(Stored data entries)

:::::

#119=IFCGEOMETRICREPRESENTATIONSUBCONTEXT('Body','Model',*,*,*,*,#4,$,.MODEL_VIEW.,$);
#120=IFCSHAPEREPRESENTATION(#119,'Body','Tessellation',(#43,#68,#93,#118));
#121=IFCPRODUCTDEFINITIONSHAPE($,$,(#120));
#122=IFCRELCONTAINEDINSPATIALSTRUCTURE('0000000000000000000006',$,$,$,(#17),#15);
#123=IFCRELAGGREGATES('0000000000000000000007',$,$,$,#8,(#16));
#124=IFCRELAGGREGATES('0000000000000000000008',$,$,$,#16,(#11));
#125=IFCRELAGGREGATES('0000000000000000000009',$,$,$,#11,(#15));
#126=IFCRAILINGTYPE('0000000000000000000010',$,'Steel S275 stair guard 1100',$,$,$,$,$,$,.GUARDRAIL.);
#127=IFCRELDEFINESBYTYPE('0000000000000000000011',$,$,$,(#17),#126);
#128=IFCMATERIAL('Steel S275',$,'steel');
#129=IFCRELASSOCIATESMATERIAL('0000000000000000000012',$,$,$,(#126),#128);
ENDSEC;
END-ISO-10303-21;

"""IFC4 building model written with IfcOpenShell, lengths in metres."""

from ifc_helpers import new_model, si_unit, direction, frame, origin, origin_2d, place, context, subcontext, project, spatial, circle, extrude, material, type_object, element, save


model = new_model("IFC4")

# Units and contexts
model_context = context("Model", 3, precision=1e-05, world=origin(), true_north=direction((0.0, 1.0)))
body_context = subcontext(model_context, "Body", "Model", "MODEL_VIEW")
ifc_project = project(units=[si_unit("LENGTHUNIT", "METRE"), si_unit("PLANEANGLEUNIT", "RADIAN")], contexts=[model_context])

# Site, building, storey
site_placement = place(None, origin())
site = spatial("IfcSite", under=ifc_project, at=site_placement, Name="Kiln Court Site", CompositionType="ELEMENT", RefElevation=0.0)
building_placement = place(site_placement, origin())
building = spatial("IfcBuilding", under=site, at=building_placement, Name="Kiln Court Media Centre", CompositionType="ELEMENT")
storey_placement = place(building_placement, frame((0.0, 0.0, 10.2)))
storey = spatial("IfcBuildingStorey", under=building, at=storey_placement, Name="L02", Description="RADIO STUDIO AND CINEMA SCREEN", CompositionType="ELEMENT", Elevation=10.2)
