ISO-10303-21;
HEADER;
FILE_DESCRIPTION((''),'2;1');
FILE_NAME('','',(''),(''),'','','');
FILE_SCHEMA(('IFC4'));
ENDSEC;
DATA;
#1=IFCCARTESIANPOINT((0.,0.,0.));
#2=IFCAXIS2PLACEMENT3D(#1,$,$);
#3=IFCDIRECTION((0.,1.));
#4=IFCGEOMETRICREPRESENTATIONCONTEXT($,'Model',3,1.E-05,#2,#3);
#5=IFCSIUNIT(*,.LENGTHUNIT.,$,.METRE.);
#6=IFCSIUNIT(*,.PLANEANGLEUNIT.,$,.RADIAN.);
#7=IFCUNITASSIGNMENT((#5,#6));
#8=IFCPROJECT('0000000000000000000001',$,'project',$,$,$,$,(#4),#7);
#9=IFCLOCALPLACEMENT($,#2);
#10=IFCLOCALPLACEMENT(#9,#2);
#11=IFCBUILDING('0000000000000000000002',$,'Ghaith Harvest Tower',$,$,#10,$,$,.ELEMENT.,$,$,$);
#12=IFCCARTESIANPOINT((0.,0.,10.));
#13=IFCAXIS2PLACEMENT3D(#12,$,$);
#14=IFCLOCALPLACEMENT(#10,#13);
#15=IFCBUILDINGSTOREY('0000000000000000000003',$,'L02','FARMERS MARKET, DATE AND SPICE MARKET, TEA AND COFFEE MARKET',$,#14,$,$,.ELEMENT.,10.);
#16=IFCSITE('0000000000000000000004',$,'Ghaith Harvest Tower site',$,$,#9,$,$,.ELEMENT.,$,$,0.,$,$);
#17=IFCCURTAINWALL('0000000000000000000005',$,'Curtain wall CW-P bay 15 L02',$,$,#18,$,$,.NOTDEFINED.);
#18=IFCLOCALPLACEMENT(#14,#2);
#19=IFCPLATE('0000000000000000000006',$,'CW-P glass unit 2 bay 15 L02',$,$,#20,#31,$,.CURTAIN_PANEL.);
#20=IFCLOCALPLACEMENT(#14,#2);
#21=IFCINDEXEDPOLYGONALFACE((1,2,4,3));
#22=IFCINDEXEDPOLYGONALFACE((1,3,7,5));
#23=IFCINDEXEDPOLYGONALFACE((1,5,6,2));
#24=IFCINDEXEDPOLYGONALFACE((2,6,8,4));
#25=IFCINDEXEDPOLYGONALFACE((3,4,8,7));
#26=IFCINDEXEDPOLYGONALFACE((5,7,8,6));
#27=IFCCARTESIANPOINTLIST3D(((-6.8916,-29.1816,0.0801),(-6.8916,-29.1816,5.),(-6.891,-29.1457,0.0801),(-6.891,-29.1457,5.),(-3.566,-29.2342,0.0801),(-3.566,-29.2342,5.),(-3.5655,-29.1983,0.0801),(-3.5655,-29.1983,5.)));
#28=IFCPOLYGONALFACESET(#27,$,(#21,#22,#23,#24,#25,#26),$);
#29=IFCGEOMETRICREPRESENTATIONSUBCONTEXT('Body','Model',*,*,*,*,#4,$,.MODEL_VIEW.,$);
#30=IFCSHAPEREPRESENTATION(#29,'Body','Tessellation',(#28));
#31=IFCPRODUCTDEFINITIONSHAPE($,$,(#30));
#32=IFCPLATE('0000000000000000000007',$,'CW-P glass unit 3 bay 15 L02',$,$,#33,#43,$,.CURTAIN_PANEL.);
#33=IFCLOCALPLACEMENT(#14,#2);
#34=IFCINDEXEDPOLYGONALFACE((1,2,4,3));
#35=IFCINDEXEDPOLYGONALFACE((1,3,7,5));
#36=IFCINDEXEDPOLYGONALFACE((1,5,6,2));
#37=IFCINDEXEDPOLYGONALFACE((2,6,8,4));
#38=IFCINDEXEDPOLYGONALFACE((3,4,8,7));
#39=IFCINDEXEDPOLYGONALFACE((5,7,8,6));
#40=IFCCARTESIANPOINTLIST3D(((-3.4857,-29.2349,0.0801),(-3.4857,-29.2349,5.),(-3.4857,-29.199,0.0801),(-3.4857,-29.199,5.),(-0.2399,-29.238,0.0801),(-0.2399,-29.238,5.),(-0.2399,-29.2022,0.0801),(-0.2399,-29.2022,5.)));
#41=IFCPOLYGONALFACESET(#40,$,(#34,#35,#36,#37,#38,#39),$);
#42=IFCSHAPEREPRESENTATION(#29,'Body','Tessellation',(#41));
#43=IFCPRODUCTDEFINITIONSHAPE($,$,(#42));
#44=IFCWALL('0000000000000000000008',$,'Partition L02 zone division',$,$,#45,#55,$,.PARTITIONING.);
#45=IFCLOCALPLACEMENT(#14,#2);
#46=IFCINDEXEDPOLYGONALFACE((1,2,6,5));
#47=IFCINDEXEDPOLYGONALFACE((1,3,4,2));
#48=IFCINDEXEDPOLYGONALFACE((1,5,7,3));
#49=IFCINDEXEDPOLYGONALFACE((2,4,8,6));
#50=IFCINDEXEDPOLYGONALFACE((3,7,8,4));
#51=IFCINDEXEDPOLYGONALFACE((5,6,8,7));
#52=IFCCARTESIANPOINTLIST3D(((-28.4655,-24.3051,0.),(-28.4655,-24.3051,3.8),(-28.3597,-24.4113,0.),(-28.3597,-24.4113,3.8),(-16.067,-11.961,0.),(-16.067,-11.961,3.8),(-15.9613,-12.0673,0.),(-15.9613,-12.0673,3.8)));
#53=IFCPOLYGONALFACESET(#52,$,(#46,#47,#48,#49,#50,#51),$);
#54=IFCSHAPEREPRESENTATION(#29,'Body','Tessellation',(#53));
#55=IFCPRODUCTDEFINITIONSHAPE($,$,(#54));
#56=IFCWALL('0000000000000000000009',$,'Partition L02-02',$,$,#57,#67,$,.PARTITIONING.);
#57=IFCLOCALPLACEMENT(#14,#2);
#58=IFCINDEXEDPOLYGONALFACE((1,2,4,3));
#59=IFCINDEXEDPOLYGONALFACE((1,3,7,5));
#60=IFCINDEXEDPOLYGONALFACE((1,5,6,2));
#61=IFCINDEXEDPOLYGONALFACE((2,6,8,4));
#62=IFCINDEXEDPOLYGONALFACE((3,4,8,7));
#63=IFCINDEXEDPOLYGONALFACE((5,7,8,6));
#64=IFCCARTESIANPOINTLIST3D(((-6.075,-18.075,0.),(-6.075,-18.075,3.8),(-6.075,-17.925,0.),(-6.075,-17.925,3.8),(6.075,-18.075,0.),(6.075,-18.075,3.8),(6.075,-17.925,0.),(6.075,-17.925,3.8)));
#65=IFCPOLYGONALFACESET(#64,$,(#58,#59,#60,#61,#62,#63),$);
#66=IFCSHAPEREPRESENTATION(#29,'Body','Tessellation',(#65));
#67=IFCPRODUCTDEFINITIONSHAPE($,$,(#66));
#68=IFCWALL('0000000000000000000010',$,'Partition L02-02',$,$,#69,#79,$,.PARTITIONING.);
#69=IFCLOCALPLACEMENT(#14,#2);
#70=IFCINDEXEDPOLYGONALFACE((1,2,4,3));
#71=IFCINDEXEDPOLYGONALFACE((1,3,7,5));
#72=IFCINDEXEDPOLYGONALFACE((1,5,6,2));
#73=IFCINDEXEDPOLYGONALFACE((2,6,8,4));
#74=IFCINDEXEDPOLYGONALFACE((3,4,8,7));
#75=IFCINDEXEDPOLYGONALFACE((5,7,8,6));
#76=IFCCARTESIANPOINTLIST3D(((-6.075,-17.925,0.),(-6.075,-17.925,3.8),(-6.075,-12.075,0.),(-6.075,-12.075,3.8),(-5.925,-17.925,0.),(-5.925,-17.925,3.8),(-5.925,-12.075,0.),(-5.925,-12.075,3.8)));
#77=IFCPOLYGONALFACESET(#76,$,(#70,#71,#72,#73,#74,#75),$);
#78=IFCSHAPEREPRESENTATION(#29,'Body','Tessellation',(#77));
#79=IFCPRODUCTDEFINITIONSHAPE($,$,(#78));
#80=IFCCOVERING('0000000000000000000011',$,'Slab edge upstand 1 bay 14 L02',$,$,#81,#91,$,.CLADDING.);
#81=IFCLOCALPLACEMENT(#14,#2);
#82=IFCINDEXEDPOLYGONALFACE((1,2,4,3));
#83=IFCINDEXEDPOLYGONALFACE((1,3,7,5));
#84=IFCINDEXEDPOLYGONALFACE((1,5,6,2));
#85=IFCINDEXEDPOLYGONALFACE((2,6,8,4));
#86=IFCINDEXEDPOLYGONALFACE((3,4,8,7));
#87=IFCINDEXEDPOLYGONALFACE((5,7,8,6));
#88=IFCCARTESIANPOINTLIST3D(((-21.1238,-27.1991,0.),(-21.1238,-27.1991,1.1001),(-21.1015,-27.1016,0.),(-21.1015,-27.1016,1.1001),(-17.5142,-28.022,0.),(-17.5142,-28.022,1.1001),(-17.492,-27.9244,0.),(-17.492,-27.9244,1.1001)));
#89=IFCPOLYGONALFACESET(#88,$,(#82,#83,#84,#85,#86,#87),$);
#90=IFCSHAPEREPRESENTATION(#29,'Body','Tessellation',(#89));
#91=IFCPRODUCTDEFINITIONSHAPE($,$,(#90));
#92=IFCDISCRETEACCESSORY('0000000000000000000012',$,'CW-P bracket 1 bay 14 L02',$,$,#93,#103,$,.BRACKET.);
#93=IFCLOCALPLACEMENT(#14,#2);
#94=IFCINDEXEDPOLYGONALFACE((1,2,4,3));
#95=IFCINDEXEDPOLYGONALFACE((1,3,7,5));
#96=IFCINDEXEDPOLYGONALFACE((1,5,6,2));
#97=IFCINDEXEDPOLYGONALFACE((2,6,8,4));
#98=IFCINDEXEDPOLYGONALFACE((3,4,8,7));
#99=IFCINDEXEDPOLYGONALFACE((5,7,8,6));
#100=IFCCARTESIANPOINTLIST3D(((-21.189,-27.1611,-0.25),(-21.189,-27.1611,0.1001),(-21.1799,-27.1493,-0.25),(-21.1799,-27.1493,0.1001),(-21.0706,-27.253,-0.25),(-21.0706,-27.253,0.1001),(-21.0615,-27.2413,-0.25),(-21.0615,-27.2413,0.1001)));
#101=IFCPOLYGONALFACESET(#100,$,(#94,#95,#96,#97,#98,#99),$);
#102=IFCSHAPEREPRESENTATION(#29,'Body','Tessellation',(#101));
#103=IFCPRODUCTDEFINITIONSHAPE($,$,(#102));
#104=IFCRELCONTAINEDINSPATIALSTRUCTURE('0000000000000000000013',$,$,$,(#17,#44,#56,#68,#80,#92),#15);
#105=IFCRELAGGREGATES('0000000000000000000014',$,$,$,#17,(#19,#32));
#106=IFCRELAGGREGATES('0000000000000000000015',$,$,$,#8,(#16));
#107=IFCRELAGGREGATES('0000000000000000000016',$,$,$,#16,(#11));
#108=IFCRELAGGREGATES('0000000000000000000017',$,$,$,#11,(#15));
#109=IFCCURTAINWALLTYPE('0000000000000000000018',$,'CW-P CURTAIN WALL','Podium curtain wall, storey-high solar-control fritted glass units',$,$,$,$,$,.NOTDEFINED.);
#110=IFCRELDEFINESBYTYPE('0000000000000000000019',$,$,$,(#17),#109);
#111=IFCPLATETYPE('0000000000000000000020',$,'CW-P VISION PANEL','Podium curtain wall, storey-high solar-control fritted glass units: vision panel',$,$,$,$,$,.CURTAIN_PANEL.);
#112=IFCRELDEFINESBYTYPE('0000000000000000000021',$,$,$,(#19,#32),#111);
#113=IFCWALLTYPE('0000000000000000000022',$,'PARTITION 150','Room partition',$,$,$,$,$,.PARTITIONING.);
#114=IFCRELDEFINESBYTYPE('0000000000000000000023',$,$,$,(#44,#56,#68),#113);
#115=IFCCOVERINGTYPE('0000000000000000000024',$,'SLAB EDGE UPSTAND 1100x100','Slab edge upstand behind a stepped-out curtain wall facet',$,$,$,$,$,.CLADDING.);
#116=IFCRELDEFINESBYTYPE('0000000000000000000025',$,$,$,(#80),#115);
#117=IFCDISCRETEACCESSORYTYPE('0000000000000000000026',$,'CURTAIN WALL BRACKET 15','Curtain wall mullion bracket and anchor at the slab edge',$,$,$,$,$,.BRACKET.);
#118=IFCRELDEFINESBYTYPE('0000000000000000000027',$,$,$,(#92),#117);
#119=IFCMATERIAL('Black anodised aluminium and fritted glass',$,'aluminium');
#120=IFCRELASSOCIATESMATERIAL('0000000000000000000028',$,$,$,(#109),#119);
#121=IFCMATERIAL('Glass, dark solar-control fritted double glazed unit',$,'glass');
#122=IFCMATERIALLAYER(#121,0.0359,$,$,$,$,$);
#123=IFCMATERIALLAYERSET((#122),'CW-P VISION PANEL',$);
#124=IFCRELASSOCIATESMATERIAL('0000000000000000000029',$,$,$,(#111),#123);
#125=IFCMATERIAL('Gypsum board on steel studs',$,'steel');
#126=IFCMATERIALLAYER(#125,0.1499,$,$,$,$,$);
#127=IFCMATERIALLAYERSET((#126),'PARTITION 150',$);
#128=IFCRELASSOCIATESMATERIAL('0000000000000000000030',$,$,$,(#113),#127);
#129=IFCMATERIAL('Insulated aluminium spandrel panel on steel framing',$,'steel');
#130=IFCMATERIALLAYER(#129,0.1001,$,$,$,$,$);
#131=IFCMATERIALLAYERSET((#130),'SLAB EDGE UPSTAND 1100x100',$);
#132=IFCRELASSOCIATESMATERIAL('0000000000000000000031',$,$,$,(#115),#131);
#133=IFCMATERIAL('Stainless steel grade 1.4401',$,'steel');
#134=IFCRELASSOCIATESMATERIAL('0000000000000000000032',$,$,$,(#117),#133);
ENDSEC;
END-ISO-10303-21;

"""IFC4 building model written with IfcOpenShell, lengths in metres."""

from ifc_helpers import new_model, si_unit, direction, frame, frame_2d, origin, origin_2d, place, context, subcontext, project, spatial, rectangle, extrude, material, layer, layer_set, type_object, element, aggregate, save


model = new_model("IFC4")

# Units and contexts
model_context = context("Model", 3, precision=1e-05, world=origin(), true_north=direction((0.0, 1.0)))
body_context = subcontext(model_context, "Body", "Model", "MODEL_VIEW")
ifc_project = project(units=[si_unit("LENGTHUNIT", "METRE"), si_unit("PLANEANGLEUNIT", "RADIAN")], contexts=[model_context])

# Site, building, storey
site_placement = place(None, origin())
site = spatial("IfcSite", under=ifc_project, at=site_placement, Name="Ghaith Harvest Tower site", CompositionType="ELEMENT", RefElevation=0.0)
building_placement = place(site_placement, origin())
building = spatial("IfcBuilding", under=site, at=building_placement, Name="Ghaith Harvest Tower", CompositionType="ELEMENT")
storey_placement = place(building_placement, frame((0.0, 0.0, 10.0)))
storey = spatial("IfcBuildingStorey", under=building, at=storey_placement, Name="L02", Description="FARMERS MARKET, DATE AND SPICE MARKET, TEA AND COFFEE MARKET", CompositionType="ELEMENT", Elevation=10.0)

# Curtain wall
ifc_material_1 = material(Name="Black anodised aluminium and fritted glass", Category="aluminium")
curtain_wall_type = type_object("IfcCurtainWallType", Name="CW-P CURTAIN WALL", Description="Podium curtain wall, storey-high solar-control fritted glass units", PredefinedType="NOTDEFINED", material=ifc_material_1)
curtain_wall_1_placement = place(storey_placement, origin())
curtain_wall_1 = element("IfcCurtainWall", 1, at=curtain_wall_1_placement, inside=storey, type_object=curtain_wall_type, Name="Curtain wall CW-P bay 15 L02", PredefinedType="NOTDEFINED")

:::::

Report every line of the entries that carries the word "IFCPRODUCTDEFINITIONSHAPE".

#121=IFCPRODUCTDEFINITIONSHAPE($,$,(#120));
#31=IFCPRODUCTDEFINITIONSHAPE($,$,(#30));
#43=IFCPRODUCTDEFINITIONSHAPE($,$,(#42));
#55=IFCPRODUCTDEFINITIONSHAPE($,$,(#54));
#67=IFCPRODUCTDEFINITIONSHAPE($,$,(#66));
#79=IFCPRODUCTDEFINITIONSHAPE($,$,(#78));
#91=IFCPRODUCTDEFINITIONSHAPE($,$,(#90));
#103=IFCPRODUCTDEFINITIONSHAPE($,$,(#102));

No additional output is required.